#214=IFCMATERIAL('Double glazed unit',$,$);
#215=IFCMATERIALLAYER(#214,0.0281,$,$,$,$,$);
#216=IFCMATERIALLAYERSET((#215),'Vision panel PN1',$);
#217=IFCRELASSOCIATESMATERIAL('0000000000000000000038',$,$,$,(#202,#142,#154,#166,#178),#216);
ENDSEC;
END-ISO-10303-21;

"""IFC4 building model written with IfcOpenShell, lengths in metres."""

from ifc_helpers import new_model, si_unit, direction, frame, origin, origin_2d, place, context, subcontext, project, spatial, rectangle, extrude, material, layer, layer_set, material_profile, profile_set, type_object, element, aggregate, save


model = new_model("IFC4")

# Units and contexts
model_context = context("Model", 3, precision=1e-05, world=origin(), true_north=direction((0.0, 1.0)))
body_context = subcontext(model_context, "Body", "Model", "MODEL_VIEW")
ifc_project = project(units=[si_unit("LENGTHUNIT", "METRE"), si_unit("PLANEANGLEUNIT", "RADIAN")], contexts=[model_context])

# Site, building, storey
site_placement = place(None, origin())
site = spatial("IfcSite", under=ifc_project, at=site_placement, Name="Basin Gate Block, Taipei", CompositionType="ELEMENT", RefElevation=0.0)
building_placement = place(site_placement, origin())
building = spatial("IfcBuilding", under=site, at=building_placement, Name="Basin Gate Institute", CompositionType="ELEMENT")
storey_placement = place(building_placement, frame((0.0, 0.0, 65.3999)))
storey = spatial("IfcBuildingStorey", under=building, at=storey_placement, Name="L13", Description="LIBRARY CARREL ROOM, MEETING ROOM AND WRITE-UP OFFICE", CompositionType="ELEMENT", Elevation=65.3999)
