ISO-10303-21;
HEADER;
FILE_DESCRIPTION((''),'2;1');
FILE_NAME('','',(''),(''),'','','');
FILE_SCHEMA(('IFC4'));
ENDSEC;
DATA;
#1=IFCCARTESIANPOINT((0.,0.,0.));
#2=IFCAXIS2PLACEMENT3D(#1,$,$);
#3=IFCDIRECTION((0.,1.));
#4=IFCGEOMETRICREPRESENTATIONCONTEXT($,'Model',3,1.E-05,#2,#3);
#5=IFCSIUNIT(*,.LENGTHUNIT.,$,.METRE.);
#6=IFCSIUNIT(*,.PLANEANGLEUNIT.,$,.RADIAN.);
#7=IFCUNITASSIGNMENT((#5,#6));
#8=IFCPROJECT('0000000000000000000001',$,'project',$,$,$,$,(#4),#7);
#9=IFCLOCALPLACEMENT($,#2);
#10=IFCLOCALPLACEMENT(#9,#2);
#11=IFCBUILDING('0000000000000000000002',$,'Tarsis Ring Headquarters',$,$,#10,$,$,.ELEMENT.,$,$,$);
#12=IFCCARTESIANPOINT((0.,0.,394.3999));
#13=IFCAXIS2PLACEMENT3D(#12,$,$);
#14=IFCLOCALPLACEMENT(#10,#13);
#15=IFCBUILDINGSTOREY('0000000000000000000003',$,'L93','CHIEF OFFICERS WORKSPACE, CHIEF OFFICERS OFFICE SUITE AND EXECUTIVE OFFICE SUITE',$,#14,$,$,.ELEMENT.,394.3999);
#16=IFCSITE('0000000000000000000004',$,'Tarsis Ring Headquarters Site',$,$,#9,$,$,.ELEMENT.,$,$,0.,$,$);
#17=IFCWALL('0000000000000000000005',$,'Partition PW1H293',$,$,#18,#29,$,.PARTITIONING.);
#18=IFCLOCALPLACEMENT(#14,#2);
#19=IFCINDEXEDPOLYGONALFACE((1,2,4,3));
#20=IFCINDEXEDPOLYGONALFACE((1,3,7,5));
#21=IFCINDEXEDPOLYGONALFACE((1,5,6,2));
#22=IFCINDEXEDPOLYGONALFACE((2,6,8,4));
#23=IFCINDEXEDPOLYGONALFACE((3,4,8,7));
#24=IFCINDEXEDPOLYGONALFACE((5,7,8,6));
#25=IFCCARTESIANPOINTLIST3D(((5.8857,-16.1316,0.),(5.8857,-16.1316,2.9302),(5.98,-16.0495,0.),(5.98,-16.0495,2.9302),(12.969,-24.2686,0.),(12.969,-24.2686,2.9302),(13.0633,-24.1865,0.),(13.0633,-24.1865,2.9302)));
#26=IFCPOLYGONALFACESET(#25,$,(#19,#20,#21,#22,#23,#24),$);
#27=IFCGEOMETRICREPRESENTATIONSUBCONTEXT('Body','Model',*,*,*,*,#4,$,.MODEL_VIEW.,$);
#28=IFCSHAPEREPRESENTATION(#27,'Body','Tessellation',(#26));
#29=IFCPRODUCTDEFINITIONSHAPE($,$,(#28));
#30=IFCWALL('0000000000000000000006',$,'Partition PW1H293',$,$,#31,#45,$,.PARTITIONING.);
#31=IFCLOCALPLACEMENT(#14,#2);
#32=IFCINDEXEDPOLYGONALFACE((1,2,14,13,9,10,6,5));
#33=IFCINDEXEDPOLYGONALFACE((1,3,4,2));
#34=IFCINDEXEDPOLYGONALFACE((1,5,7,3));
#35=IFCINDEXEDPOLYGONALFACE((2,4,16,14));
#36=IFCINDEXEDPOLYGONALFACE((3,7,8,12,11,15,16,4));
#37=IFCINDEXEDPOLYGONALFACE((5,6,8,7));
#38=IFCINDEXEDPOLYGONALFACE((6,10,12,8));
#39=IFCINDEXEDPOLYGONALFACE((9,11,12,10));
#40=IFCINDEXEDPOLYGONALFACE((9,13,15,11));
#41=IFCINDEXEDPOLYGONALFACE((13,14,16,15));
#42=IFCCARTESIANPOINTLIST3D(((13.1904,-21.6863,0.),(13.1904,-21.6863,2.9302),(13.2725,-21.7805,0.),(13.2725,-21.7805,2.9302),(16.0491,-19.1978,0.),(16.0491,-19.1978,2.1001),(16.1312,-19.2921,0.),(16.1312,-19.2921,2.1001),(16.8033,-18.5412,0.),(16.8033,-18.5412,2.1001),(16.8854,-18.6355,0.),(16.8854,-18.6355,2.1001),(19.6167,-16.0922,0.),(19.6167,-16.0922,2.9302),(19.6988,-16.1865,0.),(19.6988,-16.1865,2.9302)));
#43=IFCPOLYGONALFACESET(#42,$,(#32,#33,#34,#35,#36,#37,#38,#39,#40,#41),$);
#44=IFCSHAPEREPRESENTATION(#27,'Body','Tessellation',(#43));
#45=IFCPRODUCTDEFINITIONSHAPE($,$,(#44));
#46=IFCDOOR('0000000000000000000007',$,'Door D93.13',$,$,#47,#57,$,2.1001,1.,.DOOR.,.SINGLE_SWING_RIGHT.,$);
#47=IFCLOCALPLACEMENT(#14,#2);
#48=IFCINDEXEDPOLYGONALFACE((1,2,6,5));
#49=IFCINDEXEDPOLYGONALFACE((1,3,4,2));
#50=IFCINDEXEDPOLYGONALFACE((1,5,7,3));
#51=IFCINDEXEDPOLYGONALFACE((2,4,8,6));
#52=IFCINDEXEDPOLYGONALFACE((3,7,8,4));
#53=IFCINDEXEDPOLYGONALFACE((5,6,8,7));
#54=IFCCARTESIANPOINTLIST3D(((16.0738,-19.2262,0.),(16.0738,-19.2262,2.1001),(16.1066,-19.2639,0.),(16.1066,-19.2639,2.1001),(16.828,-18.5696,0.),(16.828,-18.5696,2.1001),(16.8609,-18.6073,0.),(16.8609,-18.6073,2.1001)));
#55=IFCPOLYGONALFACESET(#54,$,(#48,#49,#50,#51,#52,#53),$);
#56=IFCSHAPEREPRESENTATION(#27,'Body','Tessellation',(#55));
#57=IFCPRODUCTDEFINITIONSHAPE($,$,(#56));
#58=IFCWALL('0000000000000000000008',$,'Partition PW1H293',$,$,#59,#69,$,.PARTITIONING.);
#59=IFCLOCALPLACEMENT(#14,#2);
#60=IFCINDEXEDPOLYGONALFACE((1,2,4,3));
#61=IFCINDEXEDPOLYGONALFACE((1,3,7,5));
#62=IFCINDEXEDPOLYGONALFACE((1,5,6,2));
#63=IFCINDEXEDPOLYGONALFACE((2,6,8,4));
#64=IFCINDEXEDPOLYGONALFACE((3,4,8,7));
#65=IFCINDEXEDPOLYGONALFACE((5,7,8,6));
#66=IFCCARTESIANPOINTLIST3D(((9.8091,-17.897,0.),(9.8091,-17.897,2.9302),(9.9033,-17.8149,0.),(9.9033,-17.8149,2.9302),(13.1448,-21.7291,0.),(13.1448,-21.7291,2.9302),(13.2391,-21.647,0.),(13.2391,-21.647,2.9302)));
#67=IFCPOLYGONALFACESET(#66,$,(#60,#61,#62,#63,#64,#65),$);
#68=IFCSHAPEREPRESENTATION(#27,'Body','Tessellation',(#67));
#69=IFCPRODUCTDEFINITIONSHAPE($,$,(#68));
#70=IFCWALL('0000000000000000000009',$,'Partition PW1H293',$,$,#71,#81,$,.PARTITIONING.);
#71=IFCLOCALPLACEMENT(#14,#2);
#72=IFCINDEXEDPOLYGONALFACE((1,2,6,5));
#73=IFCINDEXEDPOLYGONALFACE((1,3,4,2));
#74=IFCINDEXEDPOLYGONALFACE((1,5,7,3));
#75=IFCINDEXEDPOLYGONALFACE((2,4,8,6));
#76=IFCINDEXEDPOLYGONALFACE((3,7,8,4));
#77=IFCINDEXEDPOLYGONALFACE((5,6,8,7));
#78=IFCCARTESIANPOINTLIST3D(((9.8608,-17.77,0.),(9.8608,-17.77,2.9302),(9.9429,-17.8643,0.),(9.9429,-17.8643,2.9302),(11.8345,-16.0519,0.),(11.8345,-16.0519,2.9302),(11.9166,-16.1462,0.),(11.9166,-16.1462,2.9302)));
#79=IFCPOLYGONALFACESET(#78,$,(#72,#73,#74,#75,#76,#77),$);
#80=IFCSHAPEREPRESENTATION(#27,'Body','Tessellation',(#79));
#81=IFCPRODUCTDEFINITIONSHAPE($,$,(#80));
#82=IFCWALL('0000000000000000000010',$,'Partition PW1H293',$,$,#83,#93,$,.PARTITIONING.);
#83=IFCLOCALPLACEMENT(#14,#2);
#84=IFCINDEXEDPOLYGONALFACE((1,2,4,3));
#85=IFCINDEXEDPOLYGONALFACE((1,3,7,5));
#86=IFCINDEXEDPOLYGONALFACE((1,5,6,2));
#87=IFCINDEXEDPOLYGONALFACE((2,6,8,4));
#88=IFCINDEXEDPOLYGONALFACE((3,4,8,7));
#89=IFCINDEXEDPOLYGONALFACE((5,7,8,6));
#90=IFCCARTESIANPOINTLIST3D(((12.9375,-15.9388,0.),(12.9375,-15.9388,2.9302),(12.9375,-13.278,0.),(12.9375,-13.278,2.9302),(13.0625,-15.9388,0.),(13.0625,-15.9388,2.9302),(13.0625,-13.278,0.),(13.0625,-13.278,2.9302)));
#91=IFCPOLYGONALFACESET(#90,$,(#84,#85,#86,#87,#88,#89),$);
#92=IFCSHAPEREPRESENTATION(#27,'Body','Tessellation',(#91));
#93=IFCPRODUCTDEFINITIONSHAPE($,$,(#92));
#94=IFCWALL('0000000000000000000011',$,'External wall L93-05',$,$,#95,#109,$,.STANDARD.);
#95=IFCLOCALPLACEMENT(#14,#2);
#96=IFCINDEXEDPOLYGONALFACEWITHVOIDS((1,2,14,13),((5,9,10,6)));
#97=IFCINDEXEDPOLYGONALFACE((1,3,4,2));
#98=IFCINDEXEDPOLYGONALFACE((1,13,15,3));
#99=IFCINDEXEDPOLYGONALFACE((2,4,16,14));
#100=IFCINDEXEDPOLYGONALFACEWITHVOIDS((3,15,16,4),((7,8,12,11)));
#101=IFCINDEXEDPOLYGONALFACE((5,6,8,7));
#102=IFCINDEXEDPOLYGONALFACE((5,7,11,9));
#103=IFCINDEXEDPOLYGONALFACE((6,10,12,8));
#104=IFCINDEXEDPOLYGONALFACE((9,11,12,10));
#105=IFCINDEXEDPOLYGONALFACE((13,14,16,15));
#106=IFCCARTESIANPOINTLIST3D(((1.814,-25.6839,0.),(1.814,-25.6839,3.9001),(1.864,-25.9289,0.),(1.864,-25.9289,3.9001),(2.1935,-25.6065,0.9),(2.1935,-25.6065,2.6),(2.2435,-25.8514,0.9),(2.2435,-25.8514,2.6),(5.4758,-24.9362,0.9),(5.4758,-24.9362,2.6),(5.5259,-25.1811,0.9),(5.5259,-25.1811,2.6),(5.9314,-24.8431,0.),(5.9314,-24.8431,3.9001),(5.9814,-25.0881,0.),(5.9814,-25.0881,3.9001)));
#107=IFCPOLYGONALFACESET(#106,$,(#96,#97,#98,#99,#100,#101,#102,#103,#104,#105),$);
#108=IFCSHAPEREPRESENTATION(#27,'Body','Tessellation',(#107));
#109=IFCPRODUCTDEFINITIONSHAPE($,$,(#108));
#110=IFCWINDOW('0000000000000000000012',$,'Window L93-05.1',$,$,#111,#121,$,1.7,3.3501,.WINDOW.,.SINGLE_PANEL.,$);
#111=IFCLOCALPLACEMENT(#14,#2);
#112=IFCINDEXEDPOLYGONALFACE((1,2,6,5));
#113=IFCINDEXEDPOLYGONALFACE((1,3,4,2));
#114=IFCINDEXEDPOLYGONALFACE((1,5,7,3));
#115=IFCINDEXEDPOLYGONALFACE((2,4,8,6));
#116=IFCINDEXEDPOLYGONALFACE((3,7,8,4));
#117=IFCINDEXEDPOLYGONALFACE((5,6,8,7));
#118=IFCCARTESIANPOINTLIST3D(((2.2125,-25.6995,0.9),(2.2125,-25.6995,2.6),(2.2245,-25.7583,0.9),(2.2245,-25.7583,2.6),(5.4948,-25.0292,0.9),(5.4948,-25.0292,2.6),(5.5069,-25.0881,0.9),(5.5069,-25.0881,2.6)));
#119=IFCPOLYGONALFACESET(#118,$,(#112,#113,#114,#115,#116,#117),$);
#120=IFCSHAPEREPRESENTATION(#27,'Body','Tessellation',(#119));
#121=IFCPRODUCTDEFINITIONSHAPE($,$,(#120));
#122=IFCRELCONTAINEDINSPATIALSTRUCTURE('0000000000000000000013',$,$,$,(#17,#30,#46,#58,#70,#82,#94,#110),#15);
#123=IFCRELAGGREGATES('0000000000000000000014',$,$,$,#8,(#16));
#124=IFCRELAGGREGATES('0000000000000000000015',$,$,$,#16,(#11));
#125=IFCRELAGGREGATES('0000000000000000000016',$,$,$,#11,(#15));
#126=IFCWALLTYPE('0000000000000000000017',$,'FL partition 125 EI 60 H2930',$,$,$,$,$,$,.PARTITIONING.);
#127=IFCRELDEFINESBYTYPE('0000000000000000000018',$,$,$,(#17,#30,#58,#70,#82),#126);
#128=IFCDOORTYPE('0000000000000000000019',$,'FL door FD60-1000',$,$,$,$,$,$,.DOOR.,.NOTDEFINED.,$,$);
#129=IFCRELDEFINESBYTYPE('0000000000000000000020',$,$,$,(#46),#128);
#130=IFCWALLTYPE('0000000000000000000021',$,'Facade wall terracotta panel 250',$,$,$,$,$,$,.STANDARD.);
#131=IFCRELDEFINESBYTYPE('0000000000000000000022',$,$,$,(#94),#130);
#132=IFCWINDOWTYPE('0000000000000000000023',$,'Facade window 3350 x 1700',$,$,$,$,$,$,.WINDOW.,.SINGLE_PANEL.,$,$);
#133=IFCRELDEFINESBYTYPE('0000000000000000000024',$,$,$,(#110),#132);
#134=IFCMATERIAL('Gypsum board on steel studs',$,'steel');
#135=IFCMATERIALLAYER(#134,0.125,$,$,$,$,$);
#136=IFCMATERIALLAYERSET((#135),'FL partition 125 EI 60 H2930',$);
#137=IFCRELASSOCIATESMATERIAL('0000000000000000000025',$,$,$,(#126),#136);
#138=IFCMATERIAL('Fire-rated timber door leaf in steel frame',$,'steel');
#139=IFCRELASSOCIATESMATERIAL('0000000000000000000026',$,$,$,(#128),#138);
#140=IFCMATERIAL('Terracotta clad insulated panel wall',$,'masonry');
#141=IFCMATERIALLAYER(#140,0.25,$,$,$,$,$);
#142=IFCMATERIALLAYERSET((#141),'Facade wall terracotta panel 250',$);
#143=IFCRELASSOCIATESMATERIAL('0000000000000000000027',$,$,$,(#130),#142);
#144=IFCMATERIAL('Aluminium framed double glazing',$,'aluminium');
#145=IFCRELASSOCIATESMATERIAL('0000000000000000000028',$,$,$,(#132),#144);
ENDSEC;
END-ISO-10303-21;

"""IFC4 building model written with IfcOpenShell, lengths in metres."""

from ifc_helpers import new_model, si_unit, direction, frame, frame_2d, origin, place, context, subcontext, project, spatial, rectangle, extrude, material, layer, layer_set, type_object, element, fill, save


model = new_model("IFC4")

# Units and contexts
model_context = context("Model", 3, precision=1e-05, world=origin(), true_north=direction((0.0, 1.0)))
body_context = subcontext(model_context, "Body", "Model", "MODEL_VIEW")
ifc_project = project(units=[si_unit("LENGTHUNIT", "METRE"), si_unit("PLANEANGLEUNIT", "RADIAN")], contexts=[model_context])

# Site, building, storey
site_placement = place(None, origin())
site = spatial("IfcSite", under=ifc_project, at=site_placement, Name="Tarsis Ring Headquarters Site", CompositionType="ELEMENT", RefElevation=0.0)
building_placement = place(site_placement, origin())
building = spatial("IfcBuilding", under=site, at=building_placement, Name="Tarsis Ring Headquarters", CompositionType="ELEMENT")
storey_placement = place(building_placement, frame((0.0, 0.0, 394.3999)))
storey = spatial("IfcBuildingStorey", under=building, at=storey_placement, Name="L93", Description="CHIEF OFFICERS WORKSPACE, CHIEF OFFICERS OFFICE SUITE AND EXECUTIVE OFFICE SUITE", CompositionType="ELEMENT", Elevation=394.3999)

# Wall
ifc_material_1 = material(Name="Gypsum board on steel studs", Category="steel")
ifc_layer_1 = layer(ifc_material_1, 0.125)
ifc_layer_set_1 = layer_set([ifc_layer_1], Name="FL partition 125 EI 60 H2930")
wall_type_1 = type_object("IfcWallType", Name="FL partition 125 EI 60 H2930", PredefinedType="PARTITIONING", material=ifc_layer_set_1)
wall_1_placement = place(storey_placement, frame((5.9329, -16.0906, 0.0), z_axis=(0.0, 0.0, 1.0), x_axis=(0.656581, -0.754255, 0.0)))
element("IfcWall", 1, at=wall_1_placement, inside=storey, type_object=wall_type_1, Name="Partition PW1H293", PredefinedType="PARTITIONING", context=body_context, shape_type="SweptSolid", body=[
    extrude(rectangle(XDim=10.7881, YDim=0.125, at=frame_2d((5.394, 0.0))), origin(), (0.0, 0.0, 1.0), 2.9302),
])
########################################
Examine each line of the listing for the word "STANDARD" and state only how many lines contain it.

2